§ Data for this exercise:
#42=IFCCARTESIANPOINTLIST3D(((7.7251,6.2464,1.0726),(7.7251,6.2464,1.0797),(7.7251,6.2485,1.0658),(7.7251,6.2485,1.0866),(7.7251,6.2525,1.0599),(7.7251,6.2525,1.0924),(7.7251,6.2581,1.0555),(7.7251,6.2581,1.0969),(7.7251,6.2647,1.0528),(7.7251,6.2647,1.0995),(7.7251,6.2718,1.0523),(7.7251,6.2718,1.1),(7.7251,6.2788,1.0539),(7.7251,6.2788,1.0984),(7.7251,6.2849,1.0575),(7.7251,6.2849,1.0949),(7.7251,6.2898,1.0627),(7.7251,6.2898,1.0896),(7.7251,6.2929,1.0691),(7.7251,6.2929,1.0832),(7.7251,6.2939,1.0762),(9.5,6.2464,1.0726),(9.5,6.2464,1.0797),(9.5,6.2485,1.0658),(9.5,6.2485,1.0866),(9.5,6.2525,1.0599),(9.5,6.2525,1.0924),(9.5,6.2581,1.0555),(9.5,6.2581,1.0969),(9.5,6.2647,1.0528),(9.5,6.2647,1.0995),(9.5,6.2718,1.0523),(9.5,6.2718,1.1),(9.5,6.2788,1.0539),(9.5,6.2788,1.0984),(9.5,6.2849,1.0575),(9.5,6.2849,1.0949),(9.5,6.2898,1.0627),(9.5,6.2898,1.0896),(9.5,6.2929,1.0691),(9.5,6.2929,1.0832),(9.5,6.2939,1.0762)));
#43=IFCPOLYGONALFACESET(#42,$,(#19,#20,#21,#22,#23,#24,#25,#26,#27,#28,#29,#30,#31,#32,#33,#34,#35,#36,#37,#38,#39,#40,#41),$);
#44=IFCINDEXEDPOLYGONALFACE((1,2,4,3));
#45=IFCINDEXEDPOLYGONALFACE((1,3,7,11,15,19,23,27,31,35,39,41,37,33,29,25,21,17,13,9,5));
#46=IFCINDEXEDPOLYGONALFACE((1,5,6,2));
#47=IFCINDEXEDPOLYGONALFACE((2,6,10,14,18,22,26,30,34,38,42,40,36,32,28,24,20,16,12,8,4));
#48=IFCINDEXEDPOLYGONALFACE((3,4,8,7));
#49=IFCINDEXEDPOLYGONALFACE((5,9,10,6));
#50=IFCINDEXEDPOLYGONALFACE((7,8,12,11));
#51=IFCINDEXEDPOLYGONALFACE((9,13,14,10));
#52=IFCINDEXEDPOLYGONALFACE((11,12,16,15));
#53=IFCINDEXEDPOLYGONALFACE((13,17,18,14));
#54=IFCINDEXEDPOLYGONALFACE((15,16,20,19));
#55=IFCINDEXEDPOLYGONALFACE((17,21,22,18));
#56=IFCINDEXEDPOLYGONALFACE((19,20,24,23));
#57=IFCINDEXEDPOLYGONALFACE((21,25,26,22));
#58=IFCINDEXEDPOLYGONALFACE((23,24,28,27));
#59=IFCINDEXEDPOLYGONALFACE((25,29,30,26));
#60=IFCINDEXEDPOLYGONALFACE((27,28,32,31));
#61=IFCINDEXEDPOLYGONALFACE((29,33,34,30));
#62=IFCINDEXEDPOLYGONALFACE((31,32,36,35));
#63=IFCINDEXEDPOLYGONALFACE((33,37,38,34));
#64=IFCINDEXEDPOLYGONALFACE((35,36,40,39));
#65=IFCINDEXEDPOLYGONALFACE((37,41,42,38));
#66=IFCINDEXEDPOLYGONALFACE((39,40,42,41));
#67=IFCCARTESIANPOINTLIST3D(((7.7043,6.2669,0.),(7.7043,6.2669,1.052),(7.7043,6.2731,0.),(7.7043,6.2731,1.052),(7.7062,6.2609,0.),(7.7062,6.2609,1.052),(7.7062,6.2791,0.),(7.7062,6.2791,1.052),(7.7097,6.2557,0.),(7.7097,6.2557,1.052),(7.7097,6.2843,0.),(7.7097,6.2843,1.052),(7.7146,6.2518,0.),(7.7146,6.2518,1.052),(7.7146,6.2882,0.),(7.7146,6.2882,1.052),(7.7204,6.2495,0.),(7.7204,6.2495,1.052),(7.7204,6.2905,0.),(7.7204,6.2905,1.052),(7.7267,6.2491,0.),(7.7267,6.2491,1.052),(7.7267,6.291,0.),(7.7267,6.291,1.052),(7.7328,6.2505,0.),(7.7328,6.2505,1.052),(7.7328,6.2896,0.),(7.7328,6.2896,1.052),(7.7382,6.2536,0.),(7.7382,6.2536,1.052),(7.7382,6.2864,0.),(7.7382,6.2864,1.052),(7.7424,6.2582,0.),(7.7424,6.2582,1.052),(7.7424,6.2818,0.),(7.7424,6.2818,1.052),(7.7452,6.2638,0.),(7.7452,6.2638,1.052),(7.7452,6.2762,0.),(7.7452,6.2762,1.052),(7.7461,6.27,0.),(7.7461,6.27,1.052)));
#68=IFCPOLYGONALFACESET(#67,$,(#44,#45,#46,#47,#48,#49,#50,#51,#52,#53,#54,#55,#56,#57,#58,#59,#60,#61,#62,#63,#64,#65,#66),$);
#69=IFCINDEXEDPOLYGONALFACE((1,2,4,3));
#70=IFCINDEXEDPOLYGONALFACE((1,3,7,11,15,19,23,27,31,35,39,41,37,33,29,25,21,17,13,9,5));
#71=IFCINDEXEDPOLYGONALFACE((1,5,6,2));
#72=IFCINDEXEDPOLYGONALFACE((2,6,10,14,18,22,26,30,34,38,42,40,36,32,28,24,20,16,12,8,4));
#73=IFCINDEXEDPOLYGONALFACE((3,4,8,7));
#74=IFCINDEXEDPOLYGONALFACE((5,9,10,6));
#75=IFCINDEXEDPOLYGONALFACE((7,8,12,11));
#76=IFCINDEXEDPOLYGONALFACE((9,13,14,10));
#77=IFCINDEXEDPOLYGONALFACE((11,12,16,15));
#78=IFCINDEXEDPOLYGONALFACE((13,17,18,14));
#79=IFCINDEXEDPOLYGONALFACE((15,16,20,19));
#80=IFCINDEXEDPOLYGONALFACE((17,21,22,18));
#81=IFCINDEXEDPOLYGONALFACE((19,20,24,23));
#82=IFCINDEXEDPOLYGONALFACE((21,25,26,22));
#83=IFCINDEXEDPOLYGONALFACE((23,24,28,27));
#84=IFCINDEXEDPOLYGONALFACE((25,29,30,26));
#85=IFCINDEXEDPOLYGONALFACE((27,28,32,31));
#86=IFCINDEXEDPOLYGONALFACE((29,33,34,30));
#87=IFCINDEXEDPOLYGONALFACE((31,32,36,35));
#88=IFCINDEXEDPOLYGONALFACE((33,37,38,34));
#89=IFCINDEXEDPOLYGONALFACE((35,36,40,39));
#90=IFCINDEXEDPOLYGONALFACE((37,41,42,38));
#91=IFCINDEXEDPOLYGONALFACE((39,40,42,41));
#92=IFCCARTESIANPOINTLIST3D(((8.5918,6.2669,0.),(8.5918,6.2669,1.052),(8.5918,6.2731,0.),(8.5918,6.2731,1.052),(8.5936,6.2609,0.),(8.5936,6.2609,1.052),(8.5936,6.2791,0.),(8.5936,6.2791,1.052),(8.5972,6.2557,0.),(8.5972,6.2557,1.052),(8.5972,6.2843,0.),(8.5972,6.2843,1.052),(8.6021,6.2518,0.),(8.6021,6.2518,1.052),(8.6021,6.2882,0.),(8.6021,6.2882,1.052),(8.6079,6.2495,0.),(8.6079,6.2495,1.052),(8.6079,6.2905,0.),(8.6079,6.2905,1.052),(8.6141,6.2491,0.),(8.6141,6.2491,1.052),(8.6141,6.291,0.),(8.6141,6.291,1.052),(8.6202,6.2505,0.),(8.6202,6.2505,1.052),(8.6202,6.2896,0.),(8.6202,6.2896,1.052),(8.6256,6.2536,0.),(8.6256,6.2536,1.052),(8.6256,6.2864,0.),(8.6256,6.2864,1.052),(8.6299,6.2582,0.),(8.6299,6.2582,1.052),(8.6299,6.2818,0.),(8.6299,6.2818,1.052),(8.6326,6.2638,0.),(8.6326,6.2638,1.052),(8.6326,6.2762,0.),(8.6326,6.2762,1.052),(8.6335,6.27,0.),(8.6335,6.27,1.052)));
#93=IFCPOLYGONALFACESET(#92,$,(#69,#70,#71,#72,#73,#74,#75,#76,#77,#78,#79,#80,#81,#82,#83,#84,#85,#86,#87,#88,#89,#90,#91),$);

§ How to complete this task:
Restate the line containing "#89=IFCINDEXEDPOLYGONALFACE((35,36,40,39));" and every remaining line of the records word for word. Add nothing.

§ Expected answer:
#89=IFCINDEXEDPOLYGONALFACE((35,36,40,39));
#90=IFCINDEXEDPOLYGONALFACE((37,41,42,38));
#91=IFCINDEXEDPOLYGONALFACE((39,40,42,41));
#92=IFCCARTESIANPOINTLIST3D(((8.5918,6.2669,0.),(8.5918,6.2669,1.052),(8.5918,6.2731,0.),(8.5918,6.2731,1.052),(8.5936,6.2609,0.),(8.5936,6.2609,1.052),(8.5936,6.2791,0.),(8.5936,6.2791,1.052),(8.5972,6.2557,0.),(8.5972,6.2557,1.052),(8.5972,6.2843,0.),(8.5972,6.2843,1.052),(8.6021,6.2518,0.),(8.6021,6.2518,1.052),(8.6021,6.2882,0.),(8.6021,6.2882,1.052),(8.6079,6.2495,0.),(8.6079,6.2495,1.052),(8.6079,6.2905,0.),(8.6079,6.2905,1.052),(8.6141,6.2491,0.),(8.6141,6.2491,1.052),(8.6141,6.291,0.),(8.6141,6.291,1.052),(8.6202,6.2505,0.),(8.6202,6.2505,1.052),(8.6202,6.2896,0.),(8.6202,6.2896,1.052),(8.6256,6.2536,0.),(8.6256,6.2536,1.052),(8.6256,6.2864,0.),(8.6256,6.2864,1.052),(8.6299,6.2582,0.),(8.6299,6.2582,1.052),(8.6299,6.2818,0.),(8.6299,6.2818,1.052),(8.6326,6.2638,0.),(8.6326,6.2638,1.052),(8.6326,6.2762,0.),(8.6326,6.2762,1.052),(8.6335,6.27,0.),(8.6335,6.27,1.052)));
#93=IFCPOLYGONALFACESET(#92,$,(#69,#70,#71,#72,#73,#74,#75,#76,#77,#78,#79,#80,#81,#82,#83,#84,#85,#86,#87,#88,#89,#90,#91),$);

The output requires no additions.